WHAT THE TASK ASKS: Nothing but the lines from the one with "#110=IFCINDEXEDPOLYGONALFACE((15,16,39,38));" down to the one with "#117=IFCINDEXEDPOLYGONALFACE((22,23,46,45));" should be returned, exactly and with both ends included, from the material below.

SUPPLIED RECORDS:
####

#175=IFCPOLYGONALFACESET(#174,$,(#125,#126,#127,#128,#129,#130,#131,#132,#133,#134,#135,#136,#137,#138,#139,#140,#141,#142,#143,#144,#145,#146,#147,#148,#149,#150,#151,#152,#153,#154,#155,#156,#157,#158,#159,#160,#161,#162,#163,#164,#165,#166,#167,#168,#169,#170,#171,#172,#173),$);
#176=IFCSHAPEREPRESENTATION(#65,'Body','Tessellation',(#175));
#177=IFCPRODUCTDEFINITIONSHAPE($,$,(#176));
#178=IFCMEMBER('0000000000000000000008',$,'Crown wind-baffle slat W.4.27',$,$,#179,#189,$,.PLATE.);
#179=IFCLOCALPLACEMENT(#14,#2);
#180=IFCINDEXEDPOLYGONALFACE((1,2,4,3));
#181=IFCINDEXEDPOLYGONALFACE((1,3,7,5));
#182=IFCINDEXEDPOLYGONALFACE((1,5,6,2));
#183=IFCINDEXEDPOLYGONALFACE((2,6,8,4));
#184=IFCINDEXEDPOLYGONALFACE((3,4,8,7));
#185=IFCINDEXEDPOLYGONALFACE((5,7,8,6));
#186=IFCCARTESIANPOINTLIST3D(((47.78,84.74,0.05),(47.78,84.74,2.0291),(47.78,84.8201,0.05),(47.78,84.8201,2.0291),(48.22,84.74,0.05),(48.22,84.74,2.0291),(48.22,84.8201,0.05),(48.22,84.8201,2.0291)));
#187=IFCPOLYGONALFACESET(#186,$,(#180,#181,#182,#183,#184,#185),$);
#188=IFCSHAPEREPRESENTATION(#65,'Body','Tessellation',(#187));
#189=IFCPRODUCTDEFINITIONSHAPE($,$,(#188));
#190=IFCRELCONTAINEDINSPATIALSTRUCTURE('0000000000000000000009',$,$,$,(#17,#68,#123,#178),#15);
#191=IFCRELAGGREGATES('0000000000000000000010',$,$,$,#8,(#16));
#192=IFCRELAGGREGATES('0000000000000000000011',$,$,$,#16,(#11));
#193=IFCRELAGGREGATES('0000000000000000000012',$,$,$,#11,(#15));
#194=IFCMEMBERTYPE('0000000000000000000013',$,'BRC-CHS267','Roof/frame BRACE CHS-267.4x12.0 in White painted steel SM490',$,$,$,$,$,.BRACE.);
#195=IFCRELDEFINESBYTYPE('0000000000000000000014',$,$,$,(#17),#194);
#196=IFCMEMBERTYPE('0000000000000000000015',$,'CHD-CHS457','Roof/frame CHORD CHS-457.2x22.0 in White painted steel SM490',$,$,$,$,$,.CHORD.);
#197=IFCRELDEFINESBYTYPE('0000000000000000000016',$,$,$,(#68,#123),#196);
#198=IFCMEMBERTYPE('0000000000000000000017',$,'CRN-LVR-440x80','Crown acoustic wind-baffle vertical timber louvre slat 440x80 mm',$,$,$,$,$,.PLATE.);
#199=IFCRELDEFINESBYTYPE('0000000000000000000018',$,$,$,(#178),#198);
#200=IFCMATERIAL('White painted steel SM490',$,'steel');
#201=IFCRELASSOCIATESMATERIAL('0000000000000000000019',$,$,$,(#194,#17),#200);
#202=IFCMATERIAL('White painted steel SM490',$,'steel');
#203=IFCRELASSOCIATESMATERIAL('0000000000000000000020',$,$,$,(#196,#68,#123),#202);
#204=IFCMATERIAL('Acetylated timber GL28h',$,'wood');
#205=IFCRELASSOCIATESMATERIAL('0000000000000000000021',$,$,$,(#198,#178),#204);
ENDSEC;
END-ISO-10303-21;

####

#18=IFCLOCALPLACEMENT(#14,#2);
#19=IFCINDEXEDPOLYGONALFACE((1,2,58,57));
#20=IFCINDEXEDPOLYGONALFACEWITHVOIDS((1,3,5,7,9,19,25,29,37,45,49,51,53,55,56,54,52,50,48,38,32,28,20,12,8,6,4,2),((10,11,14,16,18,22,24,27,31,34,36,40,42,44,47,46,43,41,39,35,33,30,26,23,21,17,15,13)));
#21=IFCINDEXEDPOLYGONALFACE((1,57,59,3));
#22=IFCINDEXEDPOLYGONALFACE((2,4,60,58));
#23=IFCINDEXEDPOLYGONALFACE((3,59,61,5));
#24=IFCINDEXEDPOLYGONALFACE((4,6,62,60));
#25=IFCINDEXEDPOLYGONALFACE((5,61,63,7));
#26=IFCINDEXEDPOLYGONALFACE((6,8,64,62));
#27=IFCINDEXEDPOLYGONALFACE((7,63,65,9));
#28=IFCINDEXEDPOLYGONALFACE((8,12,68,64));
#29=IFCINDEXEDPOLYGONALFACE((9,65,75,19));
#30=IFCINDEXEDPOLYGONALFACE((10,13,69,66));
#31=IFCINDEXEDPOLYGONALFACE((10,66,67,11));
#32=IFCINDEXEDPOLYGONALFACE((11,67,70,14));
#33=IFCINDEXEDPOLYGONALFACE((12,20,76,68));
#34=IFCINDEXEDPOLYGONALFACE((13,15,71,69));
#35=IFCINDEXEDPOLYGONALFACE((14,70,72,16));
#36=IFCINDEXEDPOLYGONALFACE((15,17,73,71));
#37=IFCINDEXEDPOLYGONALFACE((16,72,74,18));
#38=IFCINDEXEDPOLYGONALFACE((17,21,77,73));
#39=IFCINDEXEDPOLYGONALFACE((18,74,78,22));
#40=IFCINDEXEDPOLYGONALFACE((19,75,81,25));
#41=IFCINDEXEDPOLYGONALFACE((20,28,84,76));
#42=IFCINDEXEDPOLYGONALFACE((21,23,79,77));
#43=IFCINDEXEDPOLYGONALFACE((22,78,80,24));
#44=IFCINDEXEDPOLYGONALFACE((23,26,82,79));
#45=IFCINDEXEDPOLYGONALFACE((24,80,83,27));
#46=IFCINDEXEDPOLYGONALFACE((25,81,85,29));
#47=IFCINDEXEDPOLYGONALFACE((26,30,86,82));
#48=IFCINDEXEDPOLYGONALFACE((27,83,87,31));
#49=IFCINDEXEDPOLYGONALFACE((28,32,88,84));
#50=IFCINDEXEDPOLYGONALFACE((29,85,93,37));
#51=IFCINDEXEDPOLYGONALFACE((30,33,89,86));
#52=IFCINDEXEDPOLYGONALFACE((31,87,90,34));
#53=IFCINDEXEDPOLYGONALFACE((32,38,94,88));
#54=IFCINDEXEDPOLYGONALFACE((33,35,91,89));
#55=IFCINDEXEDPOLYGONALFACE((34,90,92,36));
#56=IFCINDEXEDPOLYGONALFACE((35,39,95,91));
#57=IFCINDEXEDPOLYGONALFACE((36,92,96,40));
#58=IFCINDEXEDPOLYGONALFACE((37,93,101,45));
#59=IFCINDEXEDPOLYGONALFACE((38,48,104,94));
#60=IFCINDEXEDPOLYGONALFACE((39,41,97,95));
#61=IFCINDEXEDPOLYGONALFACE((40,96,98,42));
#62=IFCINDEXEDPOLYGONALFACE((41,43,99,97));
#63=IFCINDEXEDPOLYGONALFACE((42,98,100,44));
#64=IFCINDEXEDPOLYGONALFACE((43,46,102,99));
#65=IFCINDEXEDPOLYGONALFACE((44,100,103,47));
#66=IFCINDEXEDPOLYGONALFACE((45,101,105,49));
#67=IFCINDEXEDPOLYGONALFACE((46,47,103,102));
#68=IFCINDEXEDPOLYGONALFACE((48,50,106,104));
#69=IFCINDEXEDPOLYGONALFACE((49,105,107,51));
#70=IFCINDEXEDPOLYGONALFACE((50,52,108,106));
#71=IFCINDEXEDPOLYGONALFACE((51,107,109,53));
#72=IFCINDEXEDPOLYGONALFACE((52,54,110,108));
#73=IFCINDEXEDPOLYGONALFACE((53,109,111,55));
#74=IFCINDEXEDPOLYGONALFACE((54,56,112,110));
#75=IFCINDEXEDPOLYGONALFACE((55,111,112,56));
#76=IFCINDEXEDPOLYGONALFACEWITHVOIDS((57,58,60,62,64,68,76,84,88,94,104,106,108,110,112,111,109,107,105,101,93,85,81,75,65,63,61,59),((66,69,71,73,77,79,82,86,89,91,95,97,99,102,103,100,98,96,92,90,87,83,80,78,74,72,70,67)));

####

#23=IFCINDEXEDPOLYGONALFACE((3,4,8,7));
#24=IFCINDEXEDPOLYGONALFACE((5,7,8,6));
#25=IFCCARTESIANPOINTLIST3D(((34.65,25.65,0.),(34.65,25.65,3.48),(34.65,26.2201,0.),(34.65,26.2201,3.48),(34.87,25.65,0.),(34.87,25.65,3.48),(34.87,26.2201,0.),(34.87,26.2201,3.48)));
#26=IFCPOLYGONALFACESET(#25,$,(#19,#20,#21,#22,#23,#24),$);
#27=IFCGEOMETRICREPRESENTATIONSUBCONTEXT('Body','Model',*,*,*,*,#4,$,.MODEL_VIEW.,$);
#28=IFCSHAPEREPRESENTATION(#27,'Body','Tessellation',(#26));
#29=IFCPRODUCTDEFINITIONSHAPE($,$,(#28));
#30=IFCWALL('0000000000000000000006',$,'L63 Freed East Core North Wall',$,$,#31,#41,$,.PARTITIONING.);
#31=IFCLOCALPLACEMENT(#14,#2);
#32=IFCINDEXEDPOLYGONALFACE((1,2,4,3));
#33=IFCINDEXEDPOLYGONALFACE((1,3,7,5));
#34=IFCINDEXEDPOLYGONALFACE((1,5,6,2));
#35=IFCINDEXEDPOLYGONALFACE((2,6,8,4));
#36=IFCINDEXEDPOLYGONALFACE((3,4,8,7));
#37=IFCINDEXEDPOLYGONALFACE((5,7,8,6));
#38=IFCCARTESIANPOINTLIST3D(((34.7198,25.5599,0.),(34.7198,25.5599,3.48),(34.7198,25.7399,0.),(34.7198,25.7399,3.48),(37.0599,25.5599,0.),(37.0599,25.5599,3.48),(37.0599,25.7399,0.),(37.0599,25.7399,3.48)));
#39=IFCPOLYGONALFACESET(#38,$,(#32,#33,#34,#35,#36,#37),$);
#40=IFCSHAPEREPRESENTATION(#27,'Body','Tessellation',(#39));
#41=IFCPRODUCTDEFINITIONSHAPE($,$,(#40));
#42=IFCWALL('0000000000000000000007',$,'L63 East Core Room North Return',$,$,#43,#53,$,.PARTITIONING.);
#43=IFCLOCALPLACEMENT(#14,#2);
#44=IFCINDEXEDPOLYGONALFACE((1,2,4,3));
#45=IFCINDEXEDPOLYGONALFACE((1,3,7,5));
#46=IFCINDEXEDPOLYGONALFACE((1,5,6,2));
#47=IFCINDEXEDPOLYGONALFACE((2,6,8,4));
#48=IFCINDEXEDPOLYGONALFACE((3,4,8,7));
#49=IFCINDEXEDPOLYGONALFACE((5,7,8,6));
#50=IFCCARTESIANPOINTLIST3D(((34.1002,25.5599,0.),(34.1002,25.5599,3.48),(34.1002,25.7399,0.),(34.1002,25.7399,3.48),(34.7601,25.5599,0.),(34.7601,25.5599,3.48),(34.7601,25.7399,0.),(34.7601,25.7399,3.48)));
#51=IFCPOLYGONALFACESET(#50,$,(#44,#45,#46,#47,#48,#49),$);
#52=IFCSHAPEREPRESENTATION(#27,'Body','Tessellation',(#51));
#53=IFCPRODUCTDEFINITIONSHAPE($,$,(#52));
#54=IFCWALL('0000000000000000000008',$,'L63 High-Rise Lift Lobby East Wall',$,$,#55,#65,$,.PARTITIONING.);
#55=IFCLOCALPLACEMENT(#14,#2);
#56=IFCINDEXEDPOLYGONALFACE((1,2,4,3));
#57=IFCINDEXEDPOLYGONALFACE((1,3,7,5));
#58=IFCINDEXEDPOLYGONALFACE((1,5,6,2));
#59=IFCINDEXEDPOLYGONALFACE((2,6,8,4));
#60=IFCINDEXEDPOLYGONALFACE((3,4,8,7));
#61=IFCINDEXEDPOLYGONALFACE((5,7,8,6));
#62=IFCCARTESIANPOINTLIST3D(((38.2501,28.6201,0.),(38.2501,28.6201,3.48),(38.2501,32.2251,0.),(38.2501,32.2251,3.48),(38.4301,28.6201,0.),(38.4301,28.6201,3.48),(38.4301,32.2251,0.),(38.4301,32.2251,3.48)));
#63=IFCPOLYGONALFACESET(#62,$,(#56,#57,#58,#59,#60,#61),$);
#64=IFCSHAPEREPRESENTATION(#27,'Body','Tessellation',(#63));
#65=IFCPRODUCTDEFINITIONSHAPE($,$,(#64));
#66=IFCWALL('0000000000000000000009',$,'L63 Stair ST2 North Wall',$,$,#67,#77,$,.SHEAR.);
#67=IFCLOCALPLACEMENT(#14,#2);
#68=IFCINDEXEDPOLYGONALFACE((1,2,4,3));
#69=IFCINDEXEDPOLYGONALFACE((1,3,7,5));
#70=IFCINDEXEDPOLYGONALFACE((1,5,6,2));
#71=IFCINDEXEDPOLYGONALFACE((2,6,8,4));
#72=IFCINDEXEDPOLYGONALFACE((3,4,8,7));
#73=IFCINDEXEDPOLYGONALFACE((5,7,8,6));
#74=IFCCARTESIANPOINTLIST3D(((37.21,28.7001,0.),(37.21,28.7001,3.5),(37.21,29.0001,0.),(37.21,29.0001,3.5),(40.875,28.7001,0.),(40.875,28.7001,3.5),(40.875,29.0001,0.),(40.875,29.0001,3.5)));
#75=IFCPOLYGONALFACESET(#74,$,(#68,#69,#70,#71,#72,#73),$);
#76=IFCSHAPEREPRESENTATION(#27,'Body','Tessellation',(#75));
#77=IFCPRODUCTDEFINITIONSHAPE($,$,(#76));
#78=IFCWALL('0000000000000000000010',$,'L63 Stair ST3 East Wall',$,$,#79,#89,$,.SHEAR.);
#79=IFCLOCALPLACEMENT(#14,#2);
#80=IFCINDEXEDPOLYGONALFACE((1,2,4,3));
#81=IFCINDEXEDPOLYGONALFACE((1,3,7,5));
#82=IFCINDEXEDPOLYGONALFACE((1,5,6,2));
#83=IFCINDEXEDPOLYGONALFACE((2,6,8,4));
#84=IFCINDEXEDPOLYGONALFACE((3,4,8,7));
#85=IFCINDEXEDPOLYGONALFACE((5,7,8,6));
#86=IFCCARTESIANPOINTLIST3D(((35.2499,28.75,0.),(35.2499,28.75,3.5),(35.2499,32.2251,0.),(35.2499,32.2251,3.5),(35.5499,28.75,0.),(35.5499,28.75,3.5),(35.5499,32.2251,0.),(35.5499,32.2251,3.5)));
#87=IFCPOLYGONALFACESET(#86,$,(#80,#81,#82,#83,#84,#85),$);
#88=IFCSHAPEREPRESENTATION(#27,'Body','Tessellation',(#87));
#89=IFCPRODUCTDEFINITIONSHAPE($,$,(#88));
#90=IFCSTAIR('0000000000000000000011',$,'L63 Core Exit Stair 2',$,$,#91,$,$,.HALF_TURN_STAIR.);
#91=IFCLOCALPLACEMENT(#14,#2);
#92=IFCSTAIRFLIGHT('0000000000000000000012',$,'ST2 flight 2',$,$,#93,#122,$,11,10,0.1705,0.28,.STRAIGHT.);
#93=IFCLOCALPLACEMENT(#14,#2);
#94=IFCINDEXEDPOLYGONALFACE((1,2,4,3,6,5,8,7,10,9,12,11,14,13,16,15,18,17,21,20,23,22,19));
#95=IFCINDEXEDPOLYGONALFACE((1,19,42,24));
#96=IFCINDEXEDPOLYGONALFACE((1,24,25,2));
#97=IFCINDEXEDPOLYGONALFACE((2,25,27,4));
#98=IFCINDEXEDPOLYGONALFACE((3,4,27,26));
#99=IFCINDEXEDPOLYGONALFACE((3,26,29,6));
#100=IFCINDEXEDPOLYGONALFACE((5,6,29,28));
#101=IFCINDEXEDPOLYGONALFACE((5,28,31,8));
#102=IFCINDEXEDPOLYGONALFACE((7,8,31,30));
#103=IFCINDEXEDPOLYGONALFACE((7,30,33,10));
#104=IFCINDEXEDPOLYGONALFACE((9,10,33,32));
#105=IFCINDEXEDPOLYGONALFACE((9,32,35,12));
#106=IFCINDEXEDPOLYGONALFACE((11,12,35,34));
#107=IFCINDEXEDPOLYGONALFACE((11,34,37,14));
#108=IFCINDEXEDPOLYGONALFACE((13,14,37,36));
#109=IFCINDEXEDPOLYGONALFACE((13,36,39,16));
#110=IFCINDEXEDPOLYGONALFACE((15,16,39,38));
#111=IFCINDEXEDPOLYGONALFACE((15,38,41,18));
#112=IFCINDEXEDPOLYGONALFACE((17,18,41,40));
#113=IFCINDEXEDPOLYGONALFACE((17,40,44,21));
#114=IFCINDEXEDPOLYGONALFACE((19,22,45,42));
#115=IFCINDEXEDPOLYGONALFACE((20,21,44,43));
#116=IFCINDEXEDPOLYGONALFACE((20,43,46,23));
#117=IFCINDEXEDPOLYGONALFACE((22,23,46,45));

####

TASK RESULT:
#110=IFCINDEXEDPOLYGONALFACE((15,16,39,38));
#111=IFCINDEXEDPOLYGONALFACE((15,38,41,18));
#112=IFCINDEXEDPOLYGONALFACE((17,18,41,40));
#113=IFCINDEXEDPOLYGONALFACE((17,40,44,21));
#114=IFCINDEXEDPOLYGONALFACE((19,22,45,42));
#115=IFCINDEXEDPOLYGONALFACE((20,21,44,43));
#116=IFCINDEXEDPOLYGONALFACE((20,43,46,23));
#117=IFCINDEXEDPOLYGONALFACE((22,23,46,45));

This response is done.